[Saved entries]

□ □ □ □ □

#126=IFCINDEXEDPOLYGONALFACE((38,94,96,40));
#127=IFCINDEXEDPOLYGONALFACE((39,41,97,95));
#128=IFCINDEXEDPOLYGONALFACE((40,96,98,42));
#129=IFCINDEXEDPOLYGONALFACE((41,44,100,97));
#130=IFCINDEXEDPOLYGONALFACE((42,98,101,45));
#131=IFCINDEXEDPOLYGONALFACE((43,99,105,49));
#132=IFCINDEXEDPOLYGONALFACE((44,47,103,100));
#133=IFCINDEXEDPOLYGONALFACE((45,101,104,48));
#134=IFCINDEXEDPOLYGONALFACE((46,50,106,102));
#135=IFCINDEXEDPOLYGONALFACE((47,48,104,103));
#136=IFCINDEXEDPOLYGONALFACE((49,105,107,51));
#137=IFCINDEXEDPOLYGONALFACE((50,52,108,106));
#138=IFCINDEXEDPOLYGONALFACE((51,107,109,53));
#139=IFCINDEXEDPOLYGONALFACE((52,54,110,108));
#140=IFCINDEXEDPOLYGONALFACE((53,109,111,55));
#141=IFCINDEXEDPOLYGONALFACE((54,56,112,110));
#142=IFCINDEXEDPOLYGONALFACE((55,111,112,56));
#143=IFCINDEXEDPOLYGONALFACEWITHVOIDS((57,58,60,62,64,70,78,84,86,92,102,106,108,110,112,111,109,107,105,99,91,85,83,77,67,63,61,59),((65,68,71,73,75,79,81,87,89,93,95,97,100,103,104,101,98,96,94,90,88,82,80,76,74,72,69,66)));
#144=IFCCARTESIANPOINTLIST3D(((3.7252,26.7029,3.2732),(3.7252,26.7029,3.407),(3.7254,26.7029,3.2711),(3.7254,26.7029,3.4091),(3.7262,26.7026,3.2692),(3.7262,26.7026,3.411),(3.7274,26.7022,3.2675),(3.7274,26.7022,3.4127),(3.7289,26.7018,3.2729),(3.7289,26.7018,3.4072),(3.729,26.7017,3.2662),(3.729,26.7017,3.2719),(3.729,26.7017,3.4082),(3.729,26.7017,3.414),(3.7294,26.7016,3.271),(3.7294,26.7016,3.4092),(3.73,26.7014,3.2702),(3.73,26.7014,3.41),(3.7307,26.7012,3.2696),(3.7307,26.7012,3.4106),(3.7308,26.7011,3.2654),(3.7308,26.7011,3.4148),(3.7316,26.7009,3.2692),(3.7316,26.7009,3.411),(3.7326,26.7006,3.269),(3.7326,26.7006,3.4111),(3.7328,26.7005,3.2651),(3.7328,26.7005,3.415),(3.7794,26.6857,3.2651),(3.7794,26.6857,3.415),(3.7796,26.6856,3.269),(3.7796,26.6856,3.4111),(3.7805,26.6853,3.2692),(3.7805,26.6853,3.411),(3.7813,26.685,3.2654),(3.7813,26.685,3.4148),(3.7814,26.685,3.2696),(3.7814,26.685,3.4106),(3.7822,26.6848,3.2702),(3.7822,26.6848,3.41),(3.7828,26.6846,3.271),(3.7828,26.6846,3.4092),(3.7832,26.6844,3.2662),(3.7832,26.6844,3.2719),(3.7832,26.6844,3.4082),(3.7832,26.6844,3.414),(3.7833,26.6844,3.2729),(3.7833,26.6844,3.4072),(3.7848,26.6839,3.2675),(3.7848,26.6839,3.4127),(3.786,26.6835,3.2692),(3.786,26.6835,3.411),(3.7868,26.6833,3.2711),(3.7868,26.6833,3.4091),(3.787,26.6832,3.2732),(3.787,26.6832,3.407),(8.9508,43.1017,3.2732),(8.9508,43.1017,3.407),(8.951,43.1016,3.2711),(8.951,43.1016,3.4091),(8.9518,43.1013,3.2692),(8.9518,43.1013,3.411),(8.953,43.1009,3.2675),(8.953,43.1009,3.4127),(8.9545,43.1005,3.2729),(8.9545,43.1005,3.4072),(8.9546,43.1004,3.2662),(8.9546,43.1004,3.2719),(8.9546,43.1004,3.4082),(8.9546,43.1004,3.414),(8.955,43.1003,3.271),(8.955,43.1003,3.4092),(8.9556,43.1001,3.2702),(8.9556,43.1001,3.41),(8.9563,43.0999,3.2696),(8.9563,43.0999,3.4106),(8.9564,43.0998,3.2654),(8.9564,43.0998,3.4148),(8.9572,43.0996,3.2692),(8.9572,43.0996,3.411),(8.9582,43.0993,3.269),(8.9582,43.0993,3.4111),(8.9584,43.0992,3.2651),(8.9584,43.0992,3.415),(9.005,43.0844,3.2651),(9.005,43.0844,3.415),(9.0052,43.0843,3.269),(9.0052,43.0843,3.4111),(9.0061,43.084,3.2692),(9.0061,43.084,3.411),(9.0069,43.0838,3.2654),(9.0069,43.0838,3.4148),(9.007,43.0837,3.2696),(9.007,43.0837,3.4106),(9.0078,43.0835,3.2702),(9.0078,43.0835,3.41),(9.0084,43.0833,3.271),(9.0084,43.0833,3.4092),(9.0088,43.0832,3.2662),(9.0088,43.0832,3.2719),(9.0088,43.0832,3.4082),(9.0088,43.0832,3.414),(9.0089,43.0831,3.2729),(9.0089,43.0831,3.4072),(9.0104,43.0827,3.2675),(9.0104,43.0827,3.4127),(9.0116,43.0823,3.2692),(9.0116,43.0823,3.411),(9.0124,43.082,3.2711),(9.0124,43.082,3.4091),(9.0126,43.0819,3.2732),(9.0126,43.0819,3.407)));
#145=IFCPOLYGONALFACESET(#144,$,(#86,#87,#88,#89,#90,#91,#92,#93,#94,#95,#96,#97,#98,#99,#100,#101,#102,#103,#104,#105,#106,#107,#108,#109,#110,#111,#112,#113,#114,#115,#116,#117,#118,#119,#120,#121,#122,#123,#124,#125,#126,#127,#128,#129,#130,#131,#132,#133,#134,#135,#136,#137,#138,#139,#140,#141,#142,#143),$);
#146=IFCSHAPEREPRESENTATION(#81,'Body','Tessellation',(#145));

□ □ □ □ □

● Your goal: Could you copy out every record above exactly as it appears?

● Exercise answer:
#126=IFCINDEXEDPOLYGONALFACE((38,94,96,40));
#127=IFCINDEXEDPOLYGONALFACE((39,41,97,95));
#128=IFCINDEXEDPOLYGONALFACE((40,96,98,42));
#129=IFCINDEXEDPOLYGONALFACE((41,44,100,97));
#130=IFCINDEXEDPOLYGONALFACE((42,98,101,45));
#131=IFCINDEXEDPOLYGONALFACE((43,99,105,49));
#132=IFCINDEXEDPOLYGONALFACE((44,47,103,100));
#133=IFCINDEXEDPOLYGONALFACE((45,101,104,48));
#134=IFCINDEXEDPOLYGONALFACE((46,50,106,102));
#135=IFCINDEXEDPOLYGONALFACE((47,48,104,103));
#136=IFCINDEXEDPOLYGONALFACE((49,105,107,51));
#137=IFCINDEXEDPOLYGONALFACE((50,52,108,106));
#138=IFCINDEXEDPOLYGONALFACE((51,107,109,53));
#139=IFCINDEXEDPOLYGONALFACE((52,54,110,108));
#140=IFCINDEXEDPOLYGONALFACE((53,109,111,55));
#141=IFCINDEXEDPOLYGONALFACE((54,56,112,110));
#142=IFCINDEXEDPOLYGONALFACE((55,111,112,56));
#143=IFCINDEXEDPOLYGONALFACEWITHVOIDS((57,58,60,62,64,70,78,84,86,92,102,106,108,110,112,111,109,107,105,99,91,85,83,77,67,63,61,59),((65,68,71,73,75,79,81,87,89,93,95,97,100,103,104,101,98,96,94,90,88,82,80,76,74,72,69,66)));
#144=IFCCARTESIANPOINTLIST3D(((3.7252,26.7029,3.2732),(3.7252,26.7029,3.407),(3.7254,26.7029,3.2711),(3.7254,26.7029,3.4091),(3.7262,26.7026,3.2692),(3.7262,26.7026,3.411),(3.7274,26.7022,3.2675),(3.7274,26.7022,3.4127),(3.7289,26.7018,3.2729),(3.7289,26.7018,3.4072),(3.729,26.7017,3.2662),(3.729,26.7017,3.2719),(3.729,26.7017,3.4082),(3.729,26.7017,3.414),(3.7294,26.7016,3.271),(3.7294,26.7016,3.4092),(3.73,26.7014,3.2702),(3.73,26.7014,3.41),(3.7307,26.7012,3.2696),(3.7307,26.7012,3.4106),(3.7308,26.7011,3.2654),(3.7308,26.7011,3.4148),(3.7316,26.7009,3.2692),(3.7316,26.7009,3.411),(3.7326,26.7006,3.269),(3.7326,26.7006,3.4111),(3.7328,26.7005,3.2651),(3.7328,26.7005,3.415),(3.7794,26.6857,3.2651),(3.7794,26.6857,3.415),(3.7796,26.6856,3.269),(3.7796,26.6856,3.4111),(3.7805,26.6853,3.2692),(3.7805,26.6853,3.411),(3.7813,26.685,3.2654),(3.7813,26.685,3.4148),(3.7814,26.685,3.2696),(3.7814,26.685,3.4106),(3.7822,26.6848,3.2702),(3.7822,26.6848,3.41),(3.7828,26.6846,3.271),(3.7828,26.6846,3.4092),(3.7832,26.6844,3.2662),(3.7832,26.6844,3.2719),(3.7832,26.6844,3.4082),(3.7832,26.6844,3.414),(3.7833,26.6844,3.2729),(3.7833,26.6844,3.4072),(3.7848,26.6839,3.2675),(3.7848,26.6839,3.4127),(3.786,26.6835,3.2692),(3.786,26.6835,3.411),(3.7868,26.6833,3.2711),(3.7868,26.6833,3.4091),(3.787,26.6832,3.2732),(3.787,26.6832,3.407),(8.9508,43.1017,3.2732),(8.9508,43.1017,3.407),(8.951,43.1016,3.2711),(8.951,43.1016,3.4091),(8.9518,43.1013,3.2692),(8.9518,43.1013,3.411),(8.953,43.1009,3.2675),(8.953,43.1009,3.4127),(8.9545,43.1005,3.2729),(8.9545,43.1005,3.4072),(8.9546,43.1004,3.2662),(8.9546,43.1004,3.2719),(8.9546,43.1004,3.4082),(8.9546,43.1004,3.414),(8.955,43.1003,3.271),(8.955,43.1003,3.4092),(8.9556,43.1001,3.2702),(8.9556,43.1001,3.41),(8.9563,43.0999,3.2696),(8.9563,43.0999,3.4106),(8.9564,43.0998,3.2654),(8.9564,43.0998,3.4148),(8.9572,43.0996,3.2692),(8.9572,43.0996,3.411),(8.9582,43.0993,3.269),(8.9582,43.0993,3.4111),(8.9584,43.0992,3.2651),(8.9584,43.0992,3.415),(9.005,43.0844,3.2651),(9.005,43.0844,3.415),(9.0052,43.0843,3.269),(9.0052,43.0843,3.4111),(9.0061,43.084,3.2692),(9.0061,43.084,3.411),(9.0069,43.0838,3.2654),(9.0069,43.0838,3.4148),(9.007,43.0837,3.2696),(9.007,43.0837,3.4106),(9.0078,43.0835,3.2702),(9.0078,43.0835,3.41),(9.0084,43.0833,3.271),(9.0084,43.0833,3.4092),(9.0088,43.0832,3.2662),(9.0088,43.0832,3.2719),(9.0088,43.0832,3.4082),(9.0088,43.0832,3.414),(9.0089,43.0831,3.2729),(9.0089,43.0831,3.4072),(9.0104,43.0827,3.2675),(9.0104,43.0827,3.4127),(9.0116,43.0823,3.2692),(9.0116,43.0823,3.411),(9.0124,43.082,3.2711),(9.0124,43.082,3.4091),(9.0126,43.0819,3.2732),(9.0126,43.0819,3.407)));
#145=IFCPOLYGONALFACESET(#144,$,(#86,#87,#88,#89,#90,#91,#92,#93,#94,#95,#96,#97,#98,#99,#100,#101,#102,#103,#104,#105,#106,#107,#108,#109,#110,#111,#112,#113,#114,#115,#116,#117,#118,#119,#120,#121,#122,#123,#124,#125,#126,#127,#128,#129,#130,#131,#132,#133,#134,#135,#136,#137,#138,#139,#140,#141,#142,#143),$);
#146=IFCSHAPEREPRESENTATION(#81,'Body','Tessellation',(#145));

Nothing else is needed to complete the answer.